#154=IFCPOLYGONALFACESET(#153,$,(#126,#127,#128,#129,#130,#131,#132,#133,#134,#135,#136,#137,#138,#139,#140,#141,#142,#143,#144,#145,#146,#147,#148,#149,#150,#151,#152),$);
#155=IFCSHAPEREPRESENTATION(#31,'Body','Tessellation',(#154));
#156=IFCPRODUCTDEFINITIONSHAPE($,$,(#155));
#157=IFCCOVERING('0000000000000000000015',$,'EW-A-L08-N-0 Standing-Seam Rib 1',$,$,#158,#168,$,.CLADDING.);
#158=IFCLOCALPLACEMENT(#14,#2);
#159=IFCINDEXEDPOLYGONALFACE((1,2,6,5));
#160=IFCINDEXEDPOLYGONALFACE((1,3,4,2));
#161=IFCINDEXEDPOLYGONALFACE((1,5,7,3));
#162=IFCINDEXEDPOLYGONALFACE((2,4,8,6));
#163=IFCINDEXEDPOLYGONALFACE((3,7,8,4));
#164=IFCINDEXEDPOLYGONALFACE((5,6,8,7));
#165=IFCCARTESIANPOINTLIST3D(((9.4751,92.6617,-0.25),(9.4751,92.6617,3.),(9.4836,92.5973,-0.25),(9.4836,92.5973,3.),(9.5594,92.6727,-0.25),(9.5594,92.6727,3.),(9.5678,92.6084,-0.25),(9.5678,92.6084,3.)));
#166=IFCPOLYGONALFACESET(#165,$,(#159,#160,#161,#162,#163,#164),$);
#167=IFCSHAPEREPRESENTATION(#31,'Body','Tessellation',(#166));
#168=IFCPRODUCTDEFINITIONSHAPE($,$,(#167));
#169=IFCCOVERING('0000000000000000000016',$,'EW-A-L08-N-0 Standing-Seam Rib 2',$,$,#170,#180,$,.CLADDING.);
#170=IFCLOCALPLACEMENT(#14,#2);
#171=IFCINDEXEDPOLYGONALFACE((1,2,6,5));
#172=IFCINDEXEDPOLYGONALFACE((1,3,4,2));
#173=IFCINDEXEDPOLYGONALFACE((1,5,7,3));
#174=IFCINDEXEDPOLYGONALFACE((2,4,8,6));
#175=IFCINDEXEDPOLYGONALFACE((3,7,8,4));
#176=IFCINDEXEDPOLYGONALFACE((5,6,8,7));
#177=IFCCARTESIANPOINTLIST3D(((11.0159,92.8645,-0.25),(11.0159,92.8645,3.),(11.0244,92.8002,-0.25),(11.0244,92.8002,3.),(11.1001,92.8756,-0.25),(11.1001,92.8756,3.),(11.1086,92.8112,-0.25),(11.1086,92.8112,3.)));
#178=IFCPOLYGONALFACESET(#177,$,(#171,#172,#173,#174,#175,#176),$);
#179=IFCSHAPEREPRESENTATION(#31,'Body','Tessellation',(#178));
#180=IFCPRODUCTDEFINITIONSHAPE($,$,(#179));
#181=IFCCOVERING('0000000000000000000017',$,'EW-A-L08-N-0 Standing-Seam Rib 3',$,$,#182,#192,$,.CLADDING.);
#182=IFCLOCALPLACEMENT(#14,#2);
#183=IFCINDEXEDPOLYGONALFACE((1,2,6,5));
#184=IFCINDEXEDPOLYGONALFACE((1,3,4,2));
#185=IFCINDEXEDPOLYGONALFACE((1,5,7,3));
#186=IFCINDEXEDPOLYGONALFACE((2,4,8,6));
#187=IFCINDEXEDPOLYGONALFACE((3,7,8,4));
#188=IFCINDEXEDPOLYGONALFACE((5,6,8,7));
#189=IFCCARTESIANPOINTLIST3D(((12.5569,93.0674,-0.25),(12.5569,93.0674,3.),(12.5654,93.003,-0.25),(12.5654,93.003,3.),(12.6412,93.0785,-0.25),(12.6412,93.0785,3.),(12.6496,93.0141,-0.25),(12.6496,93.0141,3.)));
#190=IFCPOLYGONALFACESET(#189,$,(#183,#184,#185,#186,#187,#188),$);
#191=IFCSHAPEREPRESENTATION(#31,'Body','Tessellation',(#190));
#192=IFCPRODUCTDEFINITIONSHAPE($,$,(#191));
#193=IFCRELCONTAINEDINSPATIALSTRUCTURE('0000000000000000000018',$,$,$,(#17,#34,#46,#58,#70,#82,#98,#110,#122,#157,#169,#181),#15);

• WHAT IS NEEDED:
Every line of the data above should be output exactly as written.

• ANSWER BOX:
#154=IFCPOLYGONALFACESET(#153,$,(#126,#127,#128,#129,#130,#131,#132,#133,#134,#135,#136,#137,#138,#139,#140,#141,#142,#143,#144,#145,#146,#147,#148,#149,#150,#151,#152),$);
#155=IFCSHAPEREPRESENTATION(#31,'Body','Tessellation',(#154));
#156=IFCPRODUCTDEFINITIONSHAPE($,$,(#155));
#157=IFCCOVERING('0000000000000000000015',$,'EW-A-L08-N-0 Standing-Seam Rib 1',$,$,#158,#168,$,.CLADDING.);
#158=IFCLOCALPLACEMENT(#14,#2);
#159=IFCINDEXEDPOLYGONALFACE((1,2,6,5));
#160=IFCINDEXEDPOLYGONALFACE((1,3,4,2));
#161=IFCINDEXEDPOLYGONALFACE((1,5,7,3));
#162=IFCINDEXEDPOLYGONALFACE((2,4,8,6));
#163=IFCINDEXEDPOLYGONALFACE((3,7,8,4));
#164=IFCINDEXEDPOLYGONALFACE((5,6,8,7));
#165=IFCCARTESIANPOINTLIST3D(((9.4751,92.6617,-0.25),(9.4751,92.6617,3.),(9.4836,92.5973,-0.25),(9.4836,92.5973,3.),(9.5594,92.6727,-0.25),(9.5594,92.6727,3.),(9.5678,92.6084,-0.25),(9.5678,92.6084,3.)));
#166=IFCPOLYGONALFACESET(#165,$,(#159,#160,#161,#162,#163,#164),$);
#167=IFCSHAPEREPRESENTATION(#31,'Body','Tessellation',(#166));
#168=IFCPRODUCTDEFINITIONSHAPE($,$,(#167));
#169=IFCCOVERING('0000000000000000000016',$,'EW-A-L08-N-0 Standing-Seam Rib 2',$,$,#170,#180,$,.CLADDING.);
#170=IFCLOCALPLACEMENT(#14,#2);
#171=IFCINDEXEDPOLYGONALFACE((1,2,6,5));
#172=IFCINDEXEDPOLYGONALFACE((1,3,4,2));
#173=IFCINDEXEDPOLYGONALFACE((1,5,7,3));
#174=IFCINDEXEDPOLYGONALFACE((2,4,8,6));
#175=IFCINDEXEDPOLYGONALFACE((3,7,8,4));
#176=IFCINDEXEDPOLYGONALFACE((5,6,8,7));
#177=IFCCARTESIANPOINTLIST3D(((11.0159,92.8645,-0.25),(11.0159,92.8645,3.),(11.0244,92.8002,-0.25),(11.0244,92.8002,3.),(11.1001,92.8756,-0.25),(11.1001,92.8756,3.),(11.1086,92.8112,-0.25),(11.1086,92.8112,3.)));
#178=IFCPOLYGONALFACESET(#177,$,(#171,#172,#173,#174,#175,#176),$);
#179=IFCSHAPEREPRESENTATION(#31,'Body','Tessellation',(#178));
#180=IFCPRODUCTDEFINITIONSHAPE($,$,(#179));
#181=IFCCOVERING('0000000000000000000017',$,'EW-A-L08-N-0 Standing-Seam Rib 3',$,$,#182,#192,$,.CLADDING.);
#182=IFCLOCALPLACEMENT(#14,#2);
#183=IFCINDEXEDPOLYGONALFACE((1,2,6,5));
#184=IFCINDEXEDPOLYGONALFACE((1,3,4,2));
#185=IFCINDEXEDPOLYGONALFACE((1,5,7,3));
#186=IFCINDEXEDPOLYGONALFACE((2,4,8,6));
#187=IFCINDEXEDPOLYGONALFACE((3,7,8,4));
#188=IFCINDEXEDPOLYGONALFACE((5,6,8,7));
#189=IFCCARTESIANPOINTLIST3D(((12.5569,93.0674,-0.25),(12.5569,93.0674,3.),(12.5654,93.003,-0.25),(12.5654,93.003,3.),(12.6412,93.0785,-0.25),(12.6412,93.0785,3.),(12.6496,93.0141,-0.25),(12.6496,93.0141,3.)));
#190=IFCPOLYGONALFACESET(#189,$,(#183,#184,#185,#186,#187,#188),$);
#191=IFCSHAPEREPRESENTATION(#31,'Body','Tessellation',(#190));
#192=IFCPRODUCTDEFINITIONSHAPE($,$,(#191));
#193=IFCRELCONTAINEDINSPATIALSTRUCTURE('0000000000000000000018',$,$,$,(#17,#34,#46,#58,#70,#82,#98,#110,#122,#157,#169,#181),#15);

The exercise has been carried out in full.